= Beginning of Section =
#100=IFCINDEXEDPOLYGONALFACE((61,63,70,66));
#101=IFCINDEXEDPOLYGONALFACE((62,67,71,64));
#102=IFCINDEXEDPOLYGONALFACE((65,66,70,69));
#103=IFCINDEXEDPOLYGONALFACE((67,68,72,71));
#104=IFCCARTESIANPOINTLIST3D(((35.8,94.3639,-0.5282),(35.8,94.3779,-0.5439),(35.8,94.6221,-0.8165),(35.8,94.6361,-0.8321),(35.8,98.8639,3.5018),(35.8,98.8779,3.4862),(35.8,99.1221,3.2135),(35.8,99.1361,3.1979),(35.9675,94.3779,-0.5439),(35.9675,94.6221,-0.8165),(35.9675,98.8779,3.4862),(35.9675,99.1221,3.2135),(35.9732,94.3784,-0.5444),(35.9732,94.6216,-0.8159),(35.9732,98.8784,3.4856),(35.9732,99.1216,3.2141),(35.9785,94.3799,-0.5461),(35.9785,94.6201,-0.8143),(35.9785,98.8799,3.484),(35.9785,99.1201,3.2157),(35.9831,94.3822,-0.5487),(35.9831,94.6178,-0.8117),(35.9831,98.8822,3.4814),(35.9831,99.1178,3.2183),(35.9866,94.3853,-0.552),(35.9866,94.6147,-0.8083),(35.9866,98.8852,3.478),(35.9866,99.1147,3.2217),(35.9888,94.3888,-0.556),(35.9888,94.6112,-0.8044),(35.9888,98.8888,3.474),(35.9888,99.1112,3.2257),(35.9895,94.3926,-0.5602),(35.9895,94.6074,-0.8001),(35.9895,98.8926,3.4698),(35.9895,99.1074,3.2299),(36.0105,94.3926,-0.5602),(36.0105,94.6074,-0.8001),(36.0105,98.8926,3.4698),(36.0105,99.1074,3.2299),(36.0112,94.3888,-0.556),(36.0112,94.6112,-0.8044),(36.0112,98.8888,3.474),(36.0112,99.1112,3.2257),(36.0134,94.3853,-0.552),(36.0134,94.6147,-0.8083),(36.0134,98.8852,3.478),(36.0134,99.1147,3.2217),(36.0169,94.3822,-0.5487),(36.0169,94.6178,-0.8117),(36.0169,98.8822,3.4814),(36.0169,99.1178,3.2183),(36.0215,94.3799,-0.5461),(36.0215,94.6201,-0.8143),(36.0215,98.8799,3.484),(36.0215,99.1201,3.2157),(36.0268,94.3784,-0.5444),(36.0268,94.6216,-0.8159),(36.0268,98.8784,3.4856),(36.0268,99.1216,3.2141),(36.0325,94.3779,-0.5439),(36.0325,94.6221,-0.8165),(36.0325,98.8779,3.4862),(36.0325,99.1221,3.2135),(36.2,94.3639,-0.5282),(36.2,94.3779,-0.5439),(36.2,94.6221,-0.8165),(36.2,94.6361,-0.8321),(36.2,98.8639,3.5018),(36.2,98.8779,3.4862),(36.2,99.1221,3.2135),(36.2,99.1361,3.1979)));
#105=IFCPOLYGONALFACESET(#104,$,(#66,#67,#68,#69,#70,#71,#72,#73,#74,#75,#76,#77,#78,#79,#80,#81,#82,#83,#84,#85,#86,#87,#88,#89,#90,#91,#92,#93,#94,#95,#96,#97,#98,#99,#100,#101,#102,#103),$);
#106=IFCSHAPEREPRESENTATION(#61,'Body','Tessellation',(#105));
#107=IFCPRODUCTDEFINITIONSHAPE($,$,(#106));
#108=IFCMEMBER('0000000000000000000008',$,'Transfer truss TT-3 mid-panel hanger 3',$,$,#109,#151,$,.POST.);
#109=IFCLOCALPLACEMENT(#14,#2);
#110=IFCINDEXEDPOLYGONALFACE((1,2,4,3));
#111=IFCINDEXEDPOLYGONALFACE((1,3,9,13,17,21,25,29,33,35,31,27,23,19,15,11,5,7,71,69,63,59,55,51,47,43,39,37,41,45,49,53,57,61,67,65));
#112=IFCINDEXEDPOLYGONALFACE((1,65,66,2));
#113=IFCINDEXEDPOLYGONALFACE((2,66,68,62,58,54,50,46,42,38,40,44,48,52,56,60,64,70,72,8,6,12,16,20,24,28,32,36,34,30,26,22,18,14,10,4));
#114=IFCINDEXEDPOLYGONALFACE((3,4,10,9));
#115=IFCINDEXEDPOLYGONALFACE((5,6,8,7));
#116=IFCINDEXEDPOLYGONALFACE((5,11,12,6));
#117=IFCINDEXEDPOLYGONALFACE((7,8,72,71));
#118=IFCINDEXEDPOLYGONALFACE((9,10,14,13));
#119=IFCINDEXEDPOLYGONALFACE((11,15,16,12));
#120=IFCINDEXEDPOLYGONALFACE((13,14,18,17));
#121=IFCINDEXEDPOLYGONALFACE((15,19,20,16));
= End of Section =
### [PROBLEM REQUIREMENTS]
Only the lines from the one containing "#118=IFCINDEXEDPOLYGONALFACE((9,10,14,13));" to the end of the listing belong in the output, each reproduced exactly.

### [SOLUTION]
#118=IFCINDEXEDPOLYGONALFACE((9,10,14,13));
#119=IFCINDEXEDPOLYGONALFACE((11,15,16,12));
#120=IFCINDEXEDPOLYGONALFACE((13,14,18,17));
#121=IFCINDEXEDPOLYGONALFACE((15,19,20,16));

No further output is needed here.